Entries shown Start Marker
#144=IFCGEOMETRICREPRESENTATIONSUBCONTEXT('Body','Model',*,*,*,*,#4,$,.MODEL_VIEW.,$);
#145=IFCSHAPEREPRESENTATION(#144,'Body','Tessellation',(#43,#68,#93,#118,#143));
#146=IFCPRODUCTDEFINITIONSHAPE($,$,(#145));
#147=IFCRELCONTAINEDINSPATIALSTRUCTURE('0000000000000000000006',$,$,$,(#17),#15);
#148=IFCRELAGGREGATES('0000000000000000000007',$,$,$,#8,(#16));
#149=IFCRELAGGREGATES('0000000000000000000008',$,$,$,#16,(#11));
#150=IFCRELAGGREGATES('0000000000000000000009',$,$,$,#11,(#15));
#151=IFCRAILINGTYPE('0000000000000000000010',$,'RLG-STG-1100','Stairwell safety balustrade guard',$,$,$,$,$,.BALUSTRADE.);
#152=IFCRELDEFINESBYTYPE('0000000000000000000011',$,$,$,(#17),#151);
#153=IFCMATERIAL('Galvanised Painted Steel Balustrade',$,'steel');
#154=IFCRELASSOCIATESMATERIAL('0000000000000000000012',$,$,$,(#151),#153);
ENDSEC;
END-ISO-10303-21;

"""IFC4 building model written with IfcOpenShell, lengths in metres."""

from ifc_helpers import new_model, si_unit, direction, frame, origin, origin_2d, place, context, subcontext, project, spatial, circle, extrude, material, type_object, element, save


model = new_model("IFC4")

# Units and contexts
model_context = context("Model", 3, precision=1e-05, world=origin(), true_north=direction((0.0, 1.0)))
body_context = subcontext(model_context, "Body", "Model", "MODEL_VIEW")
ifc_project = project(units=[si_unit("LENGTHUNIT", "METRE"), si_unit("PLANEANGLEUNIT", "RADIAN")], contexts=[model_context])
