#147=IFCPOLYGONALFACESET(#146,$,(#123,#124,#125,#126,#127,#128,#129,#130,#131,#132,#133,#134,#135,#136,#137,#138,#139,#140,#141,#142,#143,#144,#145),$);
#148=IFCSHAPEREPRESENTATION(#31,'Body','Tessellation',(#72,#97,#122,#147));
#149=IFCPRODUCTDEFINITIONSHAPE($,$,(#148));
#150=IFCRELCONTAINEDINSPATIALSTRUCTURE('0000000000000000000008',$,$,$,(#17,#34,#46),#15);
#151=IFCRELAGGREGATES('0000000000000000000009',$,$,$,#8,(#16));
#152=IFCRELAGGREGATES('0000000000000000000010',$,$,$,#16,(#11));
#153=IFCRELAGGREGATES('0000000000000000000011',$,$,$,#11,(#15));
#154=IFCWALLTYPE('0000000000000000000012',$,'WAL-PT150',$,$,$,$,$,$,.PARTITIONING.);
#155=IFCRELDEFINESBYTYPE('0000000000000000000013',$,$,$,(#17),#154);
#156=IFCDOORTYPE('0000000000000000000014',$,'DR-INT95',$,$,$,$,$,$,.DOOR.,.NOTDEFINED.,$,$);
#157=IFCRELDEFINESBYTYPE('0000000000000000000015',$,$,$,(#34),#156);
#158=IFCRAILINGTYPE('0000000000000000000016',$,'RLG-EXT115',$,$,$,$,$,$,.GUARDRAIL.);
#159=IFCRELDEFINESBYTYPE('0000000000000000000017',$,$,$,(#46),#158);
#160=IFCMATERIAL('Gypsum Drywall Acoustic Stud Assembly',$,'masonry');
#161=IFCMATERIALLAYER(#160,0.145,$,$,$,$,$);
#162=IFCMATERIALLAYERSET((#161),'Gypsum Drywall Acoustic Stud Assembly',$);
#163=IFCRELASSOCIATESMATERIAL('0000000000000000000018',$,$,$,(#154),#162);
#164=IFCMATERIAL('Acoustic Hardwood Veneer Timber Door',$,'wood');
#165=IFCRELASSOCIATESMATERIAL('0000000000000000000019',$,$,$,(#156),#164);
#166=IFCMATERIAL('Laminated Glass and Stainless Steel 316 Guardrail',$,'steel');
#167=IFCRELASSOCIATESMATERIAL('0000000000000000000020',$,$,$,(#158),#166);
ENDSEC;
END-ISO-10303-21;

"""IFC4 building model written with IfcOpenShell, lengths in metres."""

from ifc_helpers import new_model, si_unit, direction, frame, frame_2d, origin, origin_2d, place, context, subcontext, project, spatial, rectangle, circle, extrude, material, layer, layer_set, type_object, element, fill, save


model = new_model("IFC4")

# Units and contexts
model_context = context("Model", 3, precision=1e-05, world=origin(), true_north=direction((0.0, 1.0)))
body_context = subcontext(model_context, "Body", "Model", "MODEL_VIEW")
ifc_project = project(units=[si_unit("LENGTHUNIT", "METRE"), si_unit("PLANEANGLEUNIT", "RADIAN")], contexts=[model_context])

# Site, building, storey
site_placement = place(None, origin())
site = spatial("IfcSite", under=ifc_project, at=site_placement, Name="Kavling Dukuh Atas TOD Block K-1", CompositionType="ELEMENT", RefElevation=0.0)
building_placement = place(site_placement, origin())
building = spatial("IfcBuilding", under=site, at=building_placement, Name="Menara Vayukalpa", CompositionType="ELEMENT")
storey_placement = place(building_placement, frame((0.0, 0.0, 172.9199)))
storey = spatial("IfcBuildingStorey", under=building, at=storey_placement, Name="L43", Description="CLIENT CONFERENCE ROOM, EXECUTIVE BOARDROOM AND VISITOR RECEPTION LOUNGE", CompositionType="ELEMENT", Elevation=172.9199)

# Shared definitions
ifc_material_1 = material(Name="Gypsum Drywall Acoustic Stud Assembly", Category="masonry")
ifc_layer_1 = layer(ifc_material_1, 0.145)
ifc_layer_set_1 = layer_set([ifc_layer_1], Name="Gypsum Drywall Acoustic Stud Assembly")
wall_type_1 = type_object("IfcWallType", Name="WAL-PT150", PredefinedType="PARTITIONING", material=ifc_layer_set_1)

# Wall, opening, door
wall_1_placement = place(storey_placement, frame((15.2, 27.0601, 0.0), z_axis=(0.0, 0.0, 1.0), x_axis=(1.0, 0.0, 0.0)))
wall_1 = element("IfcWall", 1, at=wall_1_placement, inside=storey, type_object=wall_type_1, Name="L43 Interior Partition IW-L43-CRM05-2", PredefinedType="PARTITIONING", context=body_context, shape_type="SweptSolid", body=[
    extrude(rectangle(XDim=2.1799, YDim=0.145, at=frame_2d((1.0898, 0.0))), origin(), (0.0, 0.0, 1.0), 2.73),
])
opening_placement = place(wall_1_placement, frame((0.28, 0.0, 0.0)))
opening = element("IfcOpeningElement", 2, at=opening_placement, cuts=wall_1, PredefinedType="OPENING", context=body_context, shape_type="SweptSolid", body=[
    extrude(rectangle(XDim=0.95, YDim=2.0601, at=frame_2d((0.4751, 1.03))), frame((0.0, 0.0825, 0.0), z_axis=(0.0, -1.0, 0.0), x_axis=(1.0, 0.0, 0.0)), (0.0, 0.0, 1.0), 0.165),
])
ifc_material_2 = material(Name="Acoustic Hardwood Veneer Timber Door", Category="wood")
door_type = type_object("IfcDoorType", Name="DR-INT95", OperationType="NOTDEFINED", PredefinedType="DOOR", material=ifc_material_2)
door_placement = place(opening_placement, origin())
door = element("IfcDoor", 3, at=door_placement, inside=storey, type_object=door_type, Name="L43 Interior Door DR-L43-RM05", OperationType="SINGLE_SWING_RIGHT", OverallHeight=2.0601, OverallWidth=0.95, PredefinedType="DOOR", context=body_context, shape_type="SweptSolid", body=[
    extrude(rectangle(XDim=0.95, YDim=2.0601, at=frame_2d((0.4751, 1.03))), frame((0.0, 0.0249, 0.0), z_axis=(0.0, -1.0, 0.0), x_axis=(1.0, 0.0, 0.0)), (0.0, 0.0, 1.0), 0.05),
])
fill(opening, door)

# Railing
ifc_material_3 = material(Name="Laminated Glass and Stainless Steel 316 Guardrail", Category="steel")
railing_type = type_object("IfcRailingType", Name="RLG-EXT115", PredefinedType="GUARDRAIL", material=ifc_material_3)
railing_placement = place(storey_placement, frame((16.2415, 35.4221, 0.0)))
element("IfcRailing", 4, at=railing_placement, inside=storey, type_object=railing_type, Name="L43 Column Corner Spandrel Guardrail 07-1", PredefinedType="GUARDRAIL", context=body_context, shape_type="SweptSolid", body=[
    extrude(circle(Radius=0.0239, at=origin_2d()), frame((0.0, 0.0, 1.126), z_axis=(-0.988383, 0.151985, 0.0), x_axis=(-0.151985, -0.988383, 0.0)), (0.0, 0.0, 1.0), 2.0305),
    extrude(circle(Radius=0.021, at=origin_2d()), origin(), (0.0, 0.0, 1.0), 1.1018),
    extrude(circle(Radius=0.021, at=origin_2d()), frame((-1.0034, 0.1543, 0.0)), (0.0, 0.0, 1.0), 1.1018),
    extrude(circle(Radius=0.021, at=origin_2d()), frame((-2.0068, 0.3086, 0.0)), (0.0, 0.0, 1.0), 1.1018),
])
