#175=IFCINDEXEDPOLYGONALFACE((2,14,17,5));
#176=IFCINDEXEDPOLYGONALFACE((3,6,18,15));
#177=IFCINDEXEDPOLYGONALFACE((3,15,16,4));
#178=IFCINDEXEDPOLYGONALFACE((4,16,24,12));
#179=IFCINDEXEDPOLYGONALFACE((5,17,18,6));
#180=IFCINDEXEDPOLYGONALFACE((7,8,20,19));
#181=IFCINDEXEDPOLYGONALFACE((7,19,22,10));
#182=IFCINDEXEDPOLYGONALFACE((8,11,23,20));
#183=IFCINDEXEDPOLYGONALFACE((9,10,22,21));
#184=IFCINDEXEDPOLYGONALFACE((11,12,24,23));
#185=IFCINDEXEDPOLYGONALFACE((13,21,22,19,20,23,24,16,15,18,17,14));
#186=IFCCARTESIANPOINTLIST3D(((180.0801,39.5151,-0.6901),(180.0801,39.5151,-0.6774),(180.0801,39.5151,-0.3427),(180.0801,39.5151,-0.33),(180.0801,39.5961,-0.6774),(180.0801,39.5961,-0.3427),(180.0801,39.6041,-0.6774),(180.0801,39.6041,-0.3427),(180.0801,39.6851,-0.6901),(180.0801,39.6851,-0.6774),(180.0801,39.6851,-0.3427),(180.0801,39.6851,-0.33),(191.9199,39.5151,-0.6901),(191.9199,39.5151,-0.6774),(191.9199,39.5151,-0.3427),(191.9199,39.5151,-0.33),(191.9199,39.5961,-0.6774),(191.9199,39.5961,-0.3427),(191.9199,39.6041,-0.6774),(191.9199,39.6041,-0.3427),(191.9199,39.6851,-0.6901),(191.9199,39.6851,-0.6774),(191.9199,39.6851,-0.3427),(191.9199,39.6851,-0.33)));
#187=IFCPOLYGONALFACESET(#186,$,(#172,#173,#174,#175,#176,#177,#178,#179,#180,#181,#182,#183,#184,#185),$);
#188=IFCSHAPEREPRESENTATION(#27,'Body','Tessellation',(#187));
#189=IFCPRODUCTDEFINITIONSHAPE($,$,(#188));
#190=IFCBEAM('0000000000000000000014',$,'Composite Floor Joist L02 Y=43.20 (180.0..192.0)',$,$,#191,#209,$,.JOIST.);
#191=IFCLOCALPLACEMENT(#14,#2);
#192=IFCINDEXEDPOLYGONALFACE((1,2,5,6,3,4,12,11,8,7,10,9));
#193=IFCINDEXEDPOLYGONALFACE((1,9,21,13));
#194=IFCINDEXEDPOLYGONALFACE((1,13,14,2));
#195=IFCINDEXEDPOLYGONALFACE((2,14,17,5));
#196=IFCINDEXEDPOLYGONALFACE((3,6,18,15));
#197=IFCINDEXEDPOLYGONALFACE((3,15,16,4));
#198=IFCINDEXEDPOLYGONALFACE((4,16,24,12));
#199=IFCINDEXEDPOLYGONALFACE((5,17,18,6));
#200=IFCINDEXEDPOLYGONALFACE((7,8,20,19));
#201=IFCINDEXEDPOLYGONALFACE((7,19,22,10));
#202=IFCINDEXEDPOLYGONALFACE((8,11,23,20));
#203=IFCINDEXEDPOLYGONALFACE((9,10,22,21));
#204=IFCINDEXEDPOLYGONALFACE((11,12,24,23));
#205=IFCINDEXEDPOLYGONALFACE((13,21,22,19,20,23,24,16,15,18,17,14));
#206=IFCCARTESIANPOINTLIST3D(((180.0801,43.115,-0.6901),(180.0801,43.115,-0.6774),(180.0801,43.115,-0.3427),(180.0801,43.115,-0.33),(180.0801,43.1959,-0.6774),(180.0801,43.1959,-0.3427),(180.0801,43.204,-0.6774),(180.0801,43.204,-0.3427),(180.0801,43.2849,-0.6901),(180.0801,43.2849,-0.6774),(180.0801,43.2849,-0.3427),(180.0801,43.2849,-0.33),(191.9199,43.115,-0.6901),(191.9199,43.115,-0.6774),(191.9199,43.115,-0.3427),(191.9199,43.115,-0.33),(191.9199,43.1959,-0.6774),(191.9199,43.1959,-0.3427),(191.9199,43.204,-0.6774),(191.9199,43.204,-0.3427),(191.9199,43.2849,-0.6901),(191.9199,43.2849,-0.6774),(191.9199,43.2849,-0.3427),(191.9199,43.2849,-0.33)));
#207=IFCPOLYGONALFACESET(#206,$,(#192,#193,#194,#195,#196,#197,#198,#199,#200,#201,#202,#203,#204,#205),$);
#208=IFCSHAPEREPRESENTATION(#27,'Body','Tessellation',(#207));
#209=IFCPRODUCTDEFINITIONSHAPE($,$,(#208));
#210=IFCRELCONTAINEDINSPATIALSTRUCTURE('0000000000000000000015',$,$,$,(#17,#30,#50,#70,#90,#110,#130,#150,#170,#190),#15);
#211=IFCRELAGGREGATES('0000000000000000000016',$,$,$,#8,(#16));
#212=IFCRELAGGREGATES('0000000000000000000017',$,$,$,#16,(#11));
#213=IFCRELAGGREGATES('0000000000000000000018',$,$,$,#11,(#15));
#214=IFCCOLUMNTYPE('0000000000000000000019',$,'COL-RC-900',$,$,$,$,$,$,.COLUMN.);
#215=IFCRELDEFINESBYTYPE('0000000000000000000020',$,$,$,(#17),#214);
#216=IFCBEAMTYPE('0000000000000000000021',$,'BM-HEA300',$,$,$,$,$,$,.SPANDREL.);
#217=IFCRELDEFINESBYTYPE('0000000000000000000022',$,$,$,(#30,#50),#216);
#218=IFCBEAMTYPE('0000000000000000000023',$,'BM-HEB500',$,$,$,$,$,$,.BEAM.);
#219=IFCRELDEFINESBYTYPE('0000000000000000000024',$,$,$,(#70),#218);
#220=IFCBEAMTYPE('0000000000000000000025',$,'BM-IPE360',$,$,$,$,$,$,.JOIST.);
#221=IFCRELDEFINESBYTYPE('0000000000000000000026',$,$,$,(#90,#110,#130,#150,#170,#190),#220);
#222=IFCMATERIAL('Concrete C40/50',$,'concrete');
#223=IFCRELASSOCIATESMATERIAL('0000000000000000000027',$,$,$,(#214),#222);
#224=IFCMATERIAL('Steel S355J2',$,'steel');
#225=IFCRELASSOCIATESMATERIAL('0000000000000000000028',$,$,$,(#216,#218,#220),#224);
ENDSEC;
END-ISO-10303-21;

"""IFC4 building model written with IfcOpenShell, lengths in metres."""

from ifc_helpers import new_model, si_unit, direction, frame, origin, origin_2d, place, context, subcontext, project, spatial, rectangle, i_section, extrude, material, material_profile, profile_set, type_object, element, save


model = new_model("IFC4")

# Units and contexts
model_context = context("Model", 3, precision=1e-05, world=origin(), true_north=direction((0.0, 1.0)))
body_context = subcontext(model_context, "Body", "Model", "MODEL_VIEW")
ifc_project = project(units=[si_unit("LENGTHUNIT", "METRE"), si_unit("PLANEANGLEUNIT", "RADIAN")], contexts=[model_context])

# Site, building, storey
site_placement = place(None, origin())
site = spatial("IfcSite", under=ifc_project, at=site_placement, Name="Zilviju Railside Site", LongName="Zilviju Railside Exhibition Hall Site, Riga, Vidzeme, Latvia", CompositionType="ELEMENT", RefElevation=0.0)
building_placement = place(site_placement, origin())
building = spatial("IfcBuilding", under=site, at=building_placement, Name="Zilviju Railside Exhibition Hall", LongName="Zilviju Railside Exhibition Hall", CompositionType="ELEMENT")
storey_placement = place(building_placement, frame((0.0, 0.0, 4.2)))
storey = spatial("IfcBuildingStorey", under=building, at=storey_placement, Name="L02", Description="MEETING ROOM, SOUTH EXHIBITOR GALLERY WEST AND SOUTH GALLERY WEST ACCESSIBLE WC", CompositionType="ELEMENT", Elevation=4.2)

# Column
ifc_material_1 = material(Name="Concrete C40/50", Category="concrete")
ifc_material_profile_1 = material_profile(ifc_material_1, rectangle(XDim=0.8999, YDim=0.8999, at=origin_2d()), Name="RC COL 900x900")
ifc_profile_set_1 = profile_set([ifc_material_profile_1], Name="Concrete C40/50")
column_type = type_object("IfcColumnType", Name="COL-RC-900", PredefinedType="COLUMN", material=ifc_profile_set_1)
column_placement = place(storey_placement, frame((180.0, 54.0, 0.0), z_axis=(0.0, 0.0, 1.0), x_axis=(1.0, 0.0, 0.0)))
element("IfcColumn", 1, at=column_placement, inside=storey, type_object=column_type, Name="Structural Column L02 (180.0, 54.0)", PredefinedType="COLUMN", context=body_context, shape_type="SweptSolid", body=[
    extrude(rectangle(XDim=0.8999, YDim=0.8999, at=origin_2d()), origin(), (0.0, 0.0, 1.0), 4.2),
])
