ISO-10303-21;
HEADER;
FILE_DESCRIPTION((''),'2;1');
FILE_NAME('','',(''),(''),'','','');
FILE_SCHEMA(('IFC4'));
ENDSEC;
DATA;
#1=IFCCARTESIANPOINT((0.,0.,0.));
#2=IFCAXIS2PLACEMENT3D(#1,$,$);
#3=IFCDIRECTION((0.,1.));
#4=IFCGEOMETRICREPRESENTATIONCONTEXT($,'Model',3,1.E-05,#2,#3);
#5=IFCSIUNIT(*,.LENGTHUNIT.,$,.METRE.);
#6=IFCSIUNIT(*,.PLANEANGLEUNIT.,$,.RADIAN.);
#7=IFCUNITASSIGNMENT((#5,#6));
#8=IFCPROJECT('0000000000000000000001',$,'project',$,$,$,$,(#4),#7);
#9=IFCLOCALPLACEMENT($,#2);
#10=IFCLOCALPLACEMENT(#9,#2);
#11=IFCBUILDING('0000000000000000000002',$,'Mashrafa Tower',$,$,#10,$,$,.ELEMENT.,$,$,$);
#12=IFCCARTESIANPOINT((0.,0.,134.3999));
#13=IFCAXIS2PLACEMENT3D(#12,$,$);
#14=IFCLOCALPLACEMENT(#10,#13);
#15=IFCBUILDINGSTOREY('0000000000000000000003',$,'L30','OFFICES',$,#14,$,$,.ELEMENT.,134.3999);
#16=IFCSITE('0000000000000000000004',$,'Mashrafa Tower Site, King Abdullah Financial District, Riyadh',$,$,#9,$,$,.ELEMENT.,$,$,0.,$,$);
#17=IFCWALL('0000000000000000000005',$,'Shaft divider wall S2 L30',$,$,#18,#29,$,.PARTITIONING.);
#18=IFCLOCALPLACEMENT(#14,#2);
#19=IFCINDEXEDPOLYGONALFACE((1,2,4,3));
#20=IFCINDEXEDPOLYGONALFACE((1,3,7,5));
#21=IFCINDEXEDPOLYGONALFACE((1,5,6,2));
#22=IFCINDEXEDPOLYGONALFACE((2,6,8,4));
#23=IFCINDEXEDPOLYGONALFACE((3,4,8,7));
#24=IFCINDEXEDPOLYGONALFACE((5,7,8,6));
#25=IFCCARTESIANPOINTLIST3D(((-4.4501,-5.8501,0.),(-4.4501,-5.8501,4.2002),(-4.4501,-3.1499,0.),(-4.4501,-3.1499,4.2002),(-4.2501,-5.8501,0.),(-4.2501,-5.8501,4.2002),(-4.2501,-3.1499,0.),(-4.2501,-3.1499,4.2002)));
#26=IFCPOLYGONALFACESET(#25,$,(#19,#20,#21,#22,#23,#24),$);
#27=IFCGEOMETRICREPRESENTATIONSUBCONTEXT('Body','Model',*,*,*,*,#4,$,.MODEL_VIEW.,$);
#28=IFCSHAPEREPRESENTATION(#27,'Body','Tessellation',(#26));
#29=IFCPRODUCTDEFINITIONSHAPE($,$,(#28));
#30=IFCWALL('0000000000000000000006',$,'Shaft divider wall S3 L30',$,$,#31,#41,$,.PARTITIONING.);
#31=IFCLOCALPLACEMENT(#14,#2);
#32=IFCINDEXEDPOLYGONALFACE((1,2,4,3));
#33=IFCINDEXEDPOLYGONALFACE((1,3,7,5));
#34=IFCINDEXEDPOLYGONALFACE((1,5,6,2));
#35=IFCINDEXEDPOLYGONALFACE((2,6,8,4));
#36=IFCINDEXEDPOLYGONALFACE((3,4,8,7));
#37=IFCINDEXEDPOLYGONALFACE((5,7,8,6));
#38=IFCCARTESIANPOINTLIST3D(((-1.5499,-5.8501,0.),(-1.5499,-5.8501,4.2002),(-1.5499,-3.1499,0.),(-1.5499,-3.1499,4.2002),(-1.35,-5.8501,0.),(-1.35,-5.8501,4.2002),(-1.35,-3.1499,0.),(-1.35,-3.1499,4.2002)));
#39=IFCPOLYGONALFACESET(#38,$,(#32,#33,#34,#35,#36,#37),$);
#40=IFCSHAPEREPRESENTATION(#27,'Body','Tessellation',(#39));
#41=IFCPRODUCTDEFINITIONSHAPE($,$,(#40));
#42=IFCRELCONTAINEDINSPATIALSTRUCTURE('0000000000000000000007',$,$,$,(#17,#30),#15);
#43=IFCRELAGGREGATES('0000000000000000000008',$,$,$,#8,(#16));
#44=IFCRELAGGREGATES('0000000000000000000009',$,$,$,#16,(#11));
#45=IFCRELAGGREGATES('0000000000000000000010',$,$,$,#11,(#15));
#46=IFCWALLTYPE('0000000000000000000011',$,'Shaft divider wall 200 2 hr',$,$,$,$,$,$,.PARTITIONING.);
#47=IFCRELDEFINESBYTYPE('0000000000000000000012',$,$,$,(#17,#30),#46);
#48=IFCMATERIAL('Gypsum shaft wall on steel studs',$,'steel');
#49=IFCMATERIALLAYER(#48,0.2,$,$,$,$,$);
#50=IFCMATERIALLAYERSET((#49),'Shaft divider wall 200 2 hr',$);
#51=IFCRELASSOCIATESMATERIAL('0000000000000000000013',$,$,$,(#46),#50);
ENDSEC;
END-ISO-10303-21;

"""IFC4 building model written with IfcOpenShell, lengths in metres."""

from ifc_helpers import new_model, si_unit, direction, frame, frame_2d, origin, place, context, subcontext, project, spatial, rectangle, extrude, material, layer, layer_set, type_object, element, save


model = new_model("IFC4")

# Units and contexts
model_context = context("Model", 3, precision=1e-05, world=origin(), true_north=direction((0.0, 1.0)))
body_context = subcontext(model_context, "Body", "Model", "MODEL_VIEW")
ifc_project = project(units=[si_unit("LENGTHUNIT", "METRE"), si_unit("PLANEANGLEUNIT", "RADIAN")], contexts=[model_context])

# Site, building, storey
site_placement = place(None, origin())
site = spatial("IfcSite", under=ifc_project, at=site_placement, Name="Mashrafa Tower Site, King Abdullah Financial District, Riyadh", CompositionType="ELEMENT", RefElevation=0.0)
building_placement = place(site_placement, origin())
building = spatial("IfcBuilding", under=site, at=building_placement, Name="Mashrafa Tower", CompositionType="ELEMENT")
storey_placement = place(building_placement, frame((0.0, 0.0, 134.3999)))
storey = spatial("IfcBuildingStorey", under=building, at=storey_placement, Name="L30", Description="OFFICES", CompositionType="ELEMENT", Elevation=134.3999)

# Walls
ifc_material_1 = material(Name="Gypsum shaft wall on steel studs", Category="steel")
ifc_layer_1 = layer(ifc_material_1, 0.2)
ifc_layer_set_1 = layer_set([ifc_layer_1], Name="Shaft divider wall 200 2 hr")
wall_type_1 = type_object("IfcWallType", Name="Shaft divider wall 200 2 hr", PredefinedType="PARTITIONING", material=ifc_layer_set_1)
for number, where, z_axis, x_axis, name in (
    (1, (-4.3501, -5.8501, 0.0), (0.0, 0.0, 1.0), (0.0, 1.0, 0.0), "Shaft divider wall S2 L30"),
    (2, (-1.45, -5.8501, 0.0), (0.0, 0.0, 1.0), (0.0, 1.0, 0.0), "Shaft divider wall S3 L30"),
):
    element("IfcWall", number, at=place(storey_placement, frame(where, z_axis=z_axis, x_axis=x_axis)), inside=storey, type_object=wall_type_1, Name=name, PredefinedType="PARTITIONING", context=body_context, shape_type="SweptSolid", body=[
        extrude(rectangle(XDim=2.7002, YDim=0.2, at=frame_2d((1.3501, 0.0))), origin(), (0.0, 0.0, 1.0), 4.2002),
    ])

save(model, "model.ifc")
Entries shown End Marker
### What you will do
Scan the material above for the string "fill". Return each line where it occurs.

### Answer box
from ifc_helpers import new_model, si_unit, direction, frame, frame_2d, origin, origin_2d, place, context, subcontext, project, spatial, rectangle, circle, extrude, material, layer, layer_set, type_object, element, fill, save
fill(opening, door)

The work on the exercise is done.